REQUIRED WORK:
Below are some records; output exactly the lines from the line with "#57=IFCINDEXEDPOLYGONALFACE((1,3,4,2));" to the line with "#61=IFCINDEXEDPOLYGONALFACE((5,6,8,7));", both ends kept, and nothing more.

BEGIN DATA SECTION

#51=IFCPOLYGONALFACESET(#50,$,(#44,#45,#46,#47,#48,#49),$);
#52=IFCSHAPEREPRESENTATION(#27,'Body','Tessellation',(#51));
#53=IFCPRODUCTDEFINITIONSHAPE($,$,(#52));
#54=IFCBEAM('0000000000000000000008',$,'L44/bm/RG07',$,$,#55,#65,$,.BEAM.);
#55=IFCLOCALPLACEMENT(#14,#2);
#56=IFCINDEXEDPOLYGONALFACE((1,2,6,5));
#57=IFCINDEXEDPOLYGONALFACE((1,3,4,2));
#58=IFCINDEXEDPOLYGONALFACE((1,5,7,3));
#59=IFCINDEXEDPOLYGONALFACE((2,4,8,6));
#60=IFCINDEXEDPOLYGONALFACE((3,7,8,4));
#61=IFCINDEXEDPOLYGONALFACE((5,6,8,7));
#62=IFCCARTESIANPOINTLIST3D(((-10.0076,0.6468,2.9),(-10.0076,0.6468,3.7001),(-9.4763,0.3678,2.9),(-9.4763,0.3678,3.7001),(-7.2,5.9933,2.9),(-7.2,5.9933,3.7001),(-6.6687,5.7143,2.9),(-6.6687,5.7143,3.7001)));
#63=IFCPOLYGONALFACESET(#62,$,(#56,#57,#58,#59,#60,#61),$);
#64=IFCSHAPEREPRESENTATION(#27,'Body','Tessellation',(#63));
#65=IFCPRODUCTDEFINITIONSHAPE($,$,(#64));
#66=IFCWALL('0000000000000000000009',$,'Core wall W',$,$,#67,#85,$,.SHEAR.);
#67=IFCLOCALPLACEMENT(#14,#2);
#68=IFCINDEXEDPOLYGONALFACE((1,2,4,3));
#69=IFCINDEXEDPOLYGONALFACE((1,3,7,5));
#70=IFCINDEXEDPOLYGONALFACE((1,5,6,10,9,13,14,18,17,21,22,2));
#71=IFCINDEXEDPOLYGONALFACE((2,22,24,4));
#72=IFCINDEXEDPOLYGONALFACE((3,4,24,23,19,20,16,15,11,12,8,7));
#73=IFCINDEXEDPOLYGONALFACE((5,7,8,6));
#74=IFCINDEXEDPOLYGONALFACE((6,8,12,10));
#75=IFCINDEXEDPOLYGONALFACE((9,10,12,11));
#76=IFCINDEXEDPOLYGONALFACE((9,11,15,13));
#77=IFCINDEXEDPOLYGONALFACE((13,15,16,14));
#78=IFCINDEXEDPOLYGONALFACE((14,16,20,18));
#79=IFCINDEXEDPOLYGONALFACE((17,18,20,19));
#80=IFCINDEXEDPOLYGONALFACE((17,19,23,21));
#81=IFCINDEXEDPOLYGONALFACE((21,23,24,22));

END DATA SECTION

ANSWER SECTION:
#57=IFCINDEXEDPOLYGONALFACE((1,3,4,2));
#58=IFCINDEXEDPOLYGONALFACE((1,5,7,3));
#59=IFCINDEXEDPOLYGONALFACE((2,4,8,6));
#60=IFCINDEXEDPOLYGONALFACE((3,7,8,4));
#61=IFCINDEXEDPOLYGONALFACE((5,6,8,7));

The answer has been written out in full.